• Assigned task: Scan the records beneath this line for the line holding "#132=IFCSHAPEREPRESENTATION(#27,'Body','Tessellation',(#131));" and the line holding "#153=IFCINDEXEDPOLYGONALFACE((5,7,8,6));", then transcribe exactly those two and all lines between.

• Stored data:
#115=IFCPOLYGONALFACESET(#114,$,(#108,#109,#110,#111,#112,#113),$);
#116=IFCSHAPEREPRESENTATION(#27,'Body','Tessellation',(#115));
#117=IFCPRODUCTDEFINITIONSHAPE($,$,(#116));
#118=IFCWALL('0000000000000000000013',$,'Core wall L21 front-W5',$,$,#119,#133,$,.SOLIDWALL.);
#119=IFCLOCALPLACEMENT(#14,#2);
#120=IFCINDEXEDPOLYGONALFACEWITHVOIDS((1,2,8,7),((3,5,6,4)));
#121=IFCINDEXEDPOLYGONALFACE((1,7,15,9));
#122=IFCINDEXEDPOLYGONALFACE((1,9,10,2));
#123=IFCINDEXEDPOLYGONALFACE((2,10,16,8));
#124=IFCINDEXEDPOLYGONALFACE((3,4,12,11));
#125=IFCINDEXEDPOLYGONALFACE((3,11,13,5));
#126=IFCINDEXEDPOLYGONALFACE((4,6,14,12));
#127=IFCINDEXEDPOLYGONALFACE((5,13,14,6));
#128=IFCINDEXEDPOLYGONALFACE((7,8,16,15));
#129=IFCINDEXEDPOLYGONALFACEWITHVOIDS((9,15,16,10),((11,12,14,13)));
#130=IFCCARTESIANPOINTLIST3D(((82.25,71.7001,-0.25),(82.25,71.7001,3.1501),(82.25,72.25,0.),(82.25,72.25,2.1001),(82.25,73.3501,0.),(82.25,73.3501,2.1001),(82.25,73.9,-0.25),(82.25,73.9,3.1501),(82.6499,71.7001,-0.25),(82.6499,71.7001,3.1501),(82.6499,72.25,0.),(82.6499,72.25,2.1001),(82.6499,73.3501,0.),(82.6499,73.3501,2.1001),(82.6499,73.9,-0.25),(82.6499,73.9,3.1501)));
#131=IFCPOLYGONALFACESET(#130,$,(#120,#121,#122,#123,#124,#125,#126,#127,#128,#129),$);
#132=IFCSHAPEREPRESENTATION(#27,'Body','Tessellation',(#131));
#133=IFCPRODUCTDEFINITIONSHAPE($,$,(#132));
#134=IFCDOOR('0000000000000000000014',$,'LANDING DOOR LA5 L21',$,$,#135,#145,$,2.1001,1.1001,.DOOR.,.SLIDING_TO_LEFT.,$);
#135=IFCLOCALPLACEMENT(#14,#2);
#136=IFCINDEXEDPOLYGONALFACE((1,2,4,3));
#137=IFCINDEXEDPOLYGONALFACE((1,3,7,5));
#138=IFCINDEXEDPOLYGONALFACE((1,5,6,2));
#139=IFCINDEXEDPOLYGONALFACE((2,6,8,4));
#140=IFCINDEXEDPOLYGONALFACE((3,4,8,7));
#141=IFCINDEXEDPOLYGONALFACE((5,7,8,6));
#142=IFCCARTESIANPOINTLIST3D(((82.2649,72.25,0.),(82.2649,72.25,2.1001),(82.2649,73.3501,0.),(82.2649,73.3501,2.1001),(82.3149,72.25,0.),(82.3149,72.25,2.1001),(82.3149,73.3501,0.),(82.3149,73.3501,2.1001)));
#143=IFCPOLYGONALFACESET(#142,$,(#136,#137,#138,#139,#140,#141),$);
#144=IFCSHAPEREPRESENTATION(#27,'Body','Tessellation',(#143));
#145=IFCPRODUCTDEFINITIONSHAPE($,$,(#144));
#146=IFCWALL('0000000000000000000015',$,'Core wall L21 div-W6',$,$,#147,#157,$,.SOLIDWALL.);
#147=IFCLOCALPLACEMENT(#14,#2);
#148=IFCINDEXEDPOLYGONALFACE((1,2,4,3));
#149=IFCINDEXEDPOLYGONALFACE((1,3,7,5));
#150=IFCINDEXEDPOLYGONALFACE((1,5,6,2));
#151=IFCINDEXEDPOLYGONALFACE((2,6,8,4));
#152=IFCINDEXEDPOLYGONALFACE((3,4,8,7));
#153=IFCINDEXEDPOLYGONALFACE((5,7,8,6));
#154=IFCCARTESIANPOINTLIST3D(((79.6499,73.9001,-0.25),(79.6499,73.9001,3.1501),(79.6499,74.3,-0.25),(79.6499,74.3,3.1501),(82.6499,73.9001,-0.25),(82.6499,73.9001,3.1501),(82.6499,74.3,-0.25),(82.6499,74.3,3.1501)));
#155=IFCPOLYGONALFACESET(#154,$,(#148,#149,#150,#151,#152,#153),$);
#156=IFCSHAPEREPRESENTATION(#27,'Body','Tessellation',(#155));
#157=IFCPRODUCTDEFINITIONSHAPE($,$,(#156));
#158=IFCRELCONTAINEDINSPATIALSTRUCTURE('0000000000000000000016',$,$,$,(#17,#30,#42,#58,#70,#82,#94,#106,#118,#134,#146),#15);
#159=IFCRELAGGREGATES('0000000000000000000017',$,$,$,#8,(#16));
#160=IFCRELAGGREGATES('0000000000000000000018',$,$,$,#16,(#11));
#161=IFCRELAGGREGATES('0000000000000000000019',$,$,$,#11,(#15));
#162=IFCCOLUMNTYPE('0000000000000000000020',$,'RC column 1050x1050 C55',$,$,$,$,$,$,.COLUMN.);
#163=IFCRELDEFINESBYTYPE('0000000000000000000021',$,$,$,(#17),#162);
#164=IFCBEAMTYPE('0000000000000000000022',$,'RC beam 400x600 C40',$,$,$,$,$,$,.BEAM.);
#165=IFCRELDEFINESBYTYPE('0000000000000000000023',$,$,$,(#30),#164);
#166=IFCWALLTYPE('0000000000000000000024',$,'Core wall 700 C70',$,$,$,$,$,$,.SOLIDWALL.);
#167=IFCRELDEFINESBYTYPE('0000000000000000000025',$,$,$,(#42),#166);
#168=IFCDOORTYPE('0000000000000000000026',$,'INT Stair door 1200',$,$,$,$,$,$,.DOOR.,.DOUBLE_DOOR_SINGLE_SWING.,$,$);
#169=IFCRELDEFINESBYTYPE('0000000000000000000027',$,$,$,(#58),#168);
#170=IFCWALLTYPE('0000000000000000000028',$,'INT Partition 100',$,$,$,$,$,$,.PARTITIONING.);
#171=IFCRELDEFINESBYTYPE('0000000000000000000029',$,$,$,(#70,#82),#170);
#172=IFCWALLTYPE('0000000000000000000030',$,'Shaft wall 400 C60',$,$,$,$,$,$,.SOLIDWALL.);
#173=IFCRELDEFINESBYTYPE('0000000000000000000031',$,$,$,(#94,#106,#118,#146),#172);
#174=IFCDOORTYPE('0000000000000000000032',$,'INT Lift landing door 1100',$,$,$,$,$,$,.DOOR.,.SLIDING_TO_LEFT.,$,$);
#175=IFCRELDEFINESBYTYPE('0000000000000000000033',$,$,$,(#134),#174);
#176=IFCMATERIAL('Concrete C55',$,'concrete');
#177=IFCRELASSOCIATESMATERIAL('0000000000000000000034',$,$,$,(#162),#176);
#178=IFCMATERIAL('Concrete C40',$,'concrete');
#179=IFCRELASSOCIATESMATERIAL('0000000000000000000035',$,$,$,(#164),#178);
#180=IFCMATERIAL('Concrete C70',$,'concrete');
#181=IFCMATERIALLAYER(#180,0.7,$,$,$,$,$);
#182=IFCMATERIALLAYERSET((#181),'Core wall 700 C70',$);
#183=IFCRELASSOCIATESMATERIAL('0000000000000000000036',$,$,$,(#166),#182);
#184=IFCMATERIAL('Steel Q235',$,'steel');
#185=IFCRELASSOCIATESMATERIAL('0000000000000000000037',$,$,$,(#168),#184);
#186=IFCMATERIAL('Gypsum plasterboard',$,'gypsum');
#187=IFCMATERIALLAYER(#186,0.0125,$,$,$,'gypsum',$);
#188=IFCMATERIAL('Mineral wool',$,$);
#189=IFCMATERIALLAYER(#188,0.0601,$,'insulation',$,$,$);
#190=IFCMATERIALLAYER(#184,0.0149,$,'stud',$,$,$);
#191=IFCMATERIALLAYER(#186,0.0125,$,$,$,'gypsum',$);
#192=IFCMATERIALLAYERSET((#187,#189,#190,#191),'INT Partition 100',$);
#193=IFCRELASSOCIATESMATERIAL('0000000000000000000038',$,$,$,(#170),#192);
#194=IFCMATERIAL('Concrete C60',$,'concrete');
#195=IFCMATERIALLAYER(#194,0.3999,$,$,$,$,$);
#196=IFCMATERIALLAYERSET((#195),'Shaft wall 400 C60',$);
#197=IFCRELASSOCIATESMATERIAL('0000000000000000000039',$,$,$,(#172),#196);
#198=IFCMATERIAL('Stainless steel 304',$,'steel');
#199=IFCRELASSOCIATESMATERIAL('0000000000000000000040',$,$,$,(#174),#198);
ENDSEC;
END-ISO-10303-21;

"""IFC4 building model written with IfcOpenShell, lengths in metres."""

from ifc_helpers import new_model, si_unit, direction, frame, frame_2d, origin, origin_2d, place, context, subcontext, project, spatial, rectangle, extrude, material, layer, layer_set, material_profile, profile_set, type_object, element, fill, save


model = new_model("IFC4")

==

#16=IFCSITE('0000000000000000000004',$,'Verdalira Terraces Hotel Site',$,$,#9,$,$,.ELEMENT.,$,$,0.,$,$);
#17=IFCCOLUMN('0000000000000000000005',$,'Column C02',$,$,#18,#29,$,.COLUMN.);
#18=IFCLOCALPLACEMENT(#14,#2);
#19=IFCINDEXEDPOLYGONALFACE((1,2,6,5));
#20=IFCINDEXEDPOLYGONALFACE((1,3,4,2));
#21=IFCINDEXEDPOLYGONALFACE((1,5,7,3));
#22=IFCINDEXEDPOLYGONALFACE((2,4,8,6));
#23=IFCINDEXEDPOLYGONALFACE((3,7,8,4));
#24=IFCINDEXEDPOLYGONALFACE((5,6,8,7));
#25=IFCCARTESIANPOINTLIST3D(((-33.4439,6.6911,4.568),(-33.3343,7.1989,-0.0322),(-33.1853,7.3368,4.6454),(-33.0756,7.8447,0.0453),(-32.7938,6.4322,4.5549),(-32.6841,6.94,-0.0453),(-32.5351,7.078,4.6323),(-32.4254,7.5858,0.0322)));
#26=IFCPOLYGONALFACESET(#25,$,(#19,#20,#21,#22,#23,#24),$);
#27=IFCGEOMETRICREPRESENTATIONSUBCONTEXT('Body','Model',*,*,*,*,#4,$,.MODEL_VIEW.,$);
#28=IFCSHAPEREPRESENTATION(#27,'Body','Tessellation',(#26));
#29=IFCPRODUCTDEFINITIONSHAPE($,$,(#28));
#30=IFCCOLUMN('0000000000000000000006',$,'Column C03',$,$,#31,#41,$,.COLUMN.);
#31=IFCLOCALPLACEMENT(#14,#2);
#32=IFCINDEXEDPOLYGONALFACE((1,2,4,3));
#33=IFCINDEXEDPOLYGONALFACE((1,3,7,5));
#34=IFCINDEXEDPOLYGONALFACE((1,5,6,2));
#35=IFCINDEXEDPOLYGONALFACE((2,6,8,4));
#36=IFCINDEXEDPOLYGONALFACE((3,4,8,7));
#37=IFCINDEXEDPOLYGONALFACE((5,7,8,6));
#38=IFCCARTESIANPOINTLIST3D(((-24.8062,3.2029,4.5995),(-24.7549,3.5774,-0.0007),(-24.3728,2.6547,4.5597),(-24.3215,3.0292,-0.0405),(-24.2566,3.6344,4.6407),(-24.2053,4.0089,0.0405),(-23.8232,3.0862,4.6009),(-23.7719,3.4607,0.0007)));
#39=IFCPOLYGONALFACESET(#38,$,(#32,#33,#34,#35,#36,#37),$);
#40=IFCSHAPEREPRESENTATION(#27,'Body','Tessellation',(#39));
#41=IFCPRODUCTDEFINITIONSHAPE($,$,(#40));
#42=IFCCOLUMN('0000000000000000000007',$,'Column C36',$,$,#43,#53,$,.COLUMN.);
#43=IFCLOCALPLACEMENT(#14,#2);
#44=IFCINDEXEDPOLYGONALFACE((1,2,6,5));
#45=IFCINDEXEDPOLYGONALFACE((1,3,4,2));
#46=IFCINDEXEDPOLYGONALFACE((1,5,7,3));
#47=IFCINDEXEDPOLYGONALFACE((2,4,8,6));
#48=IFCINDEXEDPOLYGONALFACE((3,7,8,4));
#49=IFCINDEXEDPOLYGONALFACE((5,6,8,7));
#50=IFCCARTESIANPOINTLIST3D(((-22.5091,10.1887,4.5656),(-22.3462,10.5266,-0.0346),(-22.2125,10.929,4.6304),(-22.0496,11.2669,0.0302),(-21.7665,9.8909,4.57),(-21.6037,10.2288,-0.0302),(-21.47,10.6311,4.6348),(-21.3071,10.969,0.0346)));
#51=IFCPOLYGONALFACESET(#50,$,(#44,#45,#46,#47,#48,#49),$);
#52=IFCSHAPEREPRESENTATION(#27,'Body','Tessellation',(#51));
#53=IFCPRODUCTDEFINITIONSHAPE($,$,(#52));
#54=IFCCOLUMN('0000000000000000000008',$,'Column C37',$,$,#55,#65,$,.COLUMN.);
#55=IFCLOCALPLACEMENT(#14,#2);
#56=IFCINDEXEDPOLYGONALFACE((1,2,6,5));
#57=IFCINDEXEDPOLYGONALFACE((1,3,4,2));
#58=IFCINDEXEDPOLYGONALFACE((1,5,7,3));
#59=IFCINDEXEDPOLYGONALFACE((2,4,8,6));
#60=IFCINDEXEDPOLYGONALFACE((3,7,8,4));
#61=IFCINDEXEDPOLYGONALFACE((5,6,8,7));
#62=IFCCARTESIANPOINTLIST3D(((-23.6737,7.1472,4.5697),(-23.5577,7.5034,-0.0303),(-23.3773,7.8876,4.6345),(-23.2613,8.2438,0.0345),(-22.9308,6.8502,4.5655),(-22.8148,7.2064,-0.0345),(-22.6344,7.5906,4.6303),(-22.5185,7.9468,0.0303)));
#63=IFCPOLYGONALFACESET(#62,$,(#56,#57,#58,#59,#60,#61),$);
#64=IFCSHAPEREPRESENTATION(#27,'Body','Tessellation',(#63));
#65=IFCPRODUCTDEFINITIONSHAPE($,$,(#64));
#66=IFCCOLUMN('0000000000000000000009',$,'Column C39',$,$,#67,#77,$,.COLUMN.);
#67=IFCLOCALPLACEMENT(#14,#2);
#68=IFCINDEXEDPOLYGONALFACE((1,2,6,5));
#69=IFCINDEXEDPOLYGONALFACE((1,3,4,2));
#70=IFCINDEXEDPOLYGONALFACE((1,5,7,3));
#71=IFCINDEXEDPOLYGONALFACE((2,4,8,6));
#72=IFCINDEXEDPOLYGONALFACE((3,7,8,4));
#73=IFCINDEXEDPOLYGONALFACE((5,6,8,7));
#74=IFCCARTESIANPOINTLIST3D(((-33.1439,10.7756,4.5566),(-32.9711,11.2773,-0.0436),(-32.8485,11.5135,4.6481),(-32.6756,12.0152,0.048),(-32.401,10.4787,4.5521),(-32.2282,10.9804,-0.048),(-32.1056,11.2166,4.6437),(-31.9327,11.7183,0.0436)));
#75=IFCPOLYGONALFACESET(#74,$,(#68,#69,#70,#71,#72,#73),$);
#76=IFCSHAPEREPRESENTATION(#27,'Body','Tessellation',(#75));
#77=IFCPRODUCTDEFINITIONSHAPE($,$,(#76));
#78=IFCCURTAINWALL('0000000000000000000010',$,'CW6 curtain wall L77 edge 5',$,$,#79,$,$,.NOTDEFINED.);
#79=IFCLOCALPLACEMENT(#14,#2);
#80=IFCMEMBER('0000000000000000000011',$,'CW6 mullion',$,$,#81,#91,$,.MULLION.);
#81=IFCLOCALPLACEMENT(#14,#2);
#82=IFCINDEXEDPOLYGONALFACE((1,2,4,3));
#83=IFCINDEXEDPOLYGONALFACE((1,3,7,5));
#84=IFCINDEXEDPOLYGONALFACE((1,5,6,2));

• Task answer:
#132=IFCSHAPEREPRESENTATION(#27,'Body','Tessellation',(#131));
#133=IFCPRODUCTDEFINITIONSHAPE($,$,(#132));
#134=IFCDOOR('0000000000000000000014',$,'LANDING DOOR LA5 L21',$,$,#135,#145,$,2.1001,1.1001,.DOOR.,.SLIDING_TO_LEFT.,$);
#135=IFCLOCALPLACEMENT(#14,#2);
#136=IFCINDEXEDPOLYGONALFACE((1,2,4,3));
#137=IFCINDEXEDPOLYGONALFACE((1,3,7,5));
#138=IFCINDEXEDPOLYGONALFACE((1,5,6,2));
#139=IFCINDEXEDPOLYGONALFACE((2,6,8,4));
#140=IFCINDEXEDPOLYGONALFACE((3,4,8,7));
#141=IFCINDEXEDPOLYGONALFACE((5,7,8,6));
#142=IFCCARTESIANPOINTLIST3D(((82.2649,72.25,0.),(82.2649,72.25,2.1001),(82.2649,73.3501,0.),(82.2649,73.3501,2.1001),(82.3149,72.25,0.),(82.3149,72.25,2.1001),(82.3149,73.3501,0.),(82.3149,73.3501,2.1001)));
#143=IFCPOLYGONALFACESET(#142,$,(#136,#137,#138,#139,#140,#141),$);
#144=IFCSHAPEREPRESENTATION(#27,'Body','Tessellation',(#143));
#145=IFCPRODUCTDEFINITIONSHAPE($,$,(#144));
#146=IFCWALL('0000000000000000000015',$,'Core wall L21 div-W6',$,$,#147,#157,$,.SOLIDWALL.);
#147=IFCLOCALPLACEMENT(#14,#2);
#148=IFCINDEXEDPOLYGONALFACE((1,2,4,3));
#149=IFCINDEXEDPOLYGONALFACE((1,3,7,5));
#150=IFCINDEXEDPOLYGONALFACE((1,5,6,2));
#151=IFCINDEXEDPOLYGONALFACE((2,6,8,4));
#152=IFCINDEXEDPOLYGONALFACE((3,4,8,7));
#153=IFCINDEXEDPOLYGONALFACE((5,7,8,6));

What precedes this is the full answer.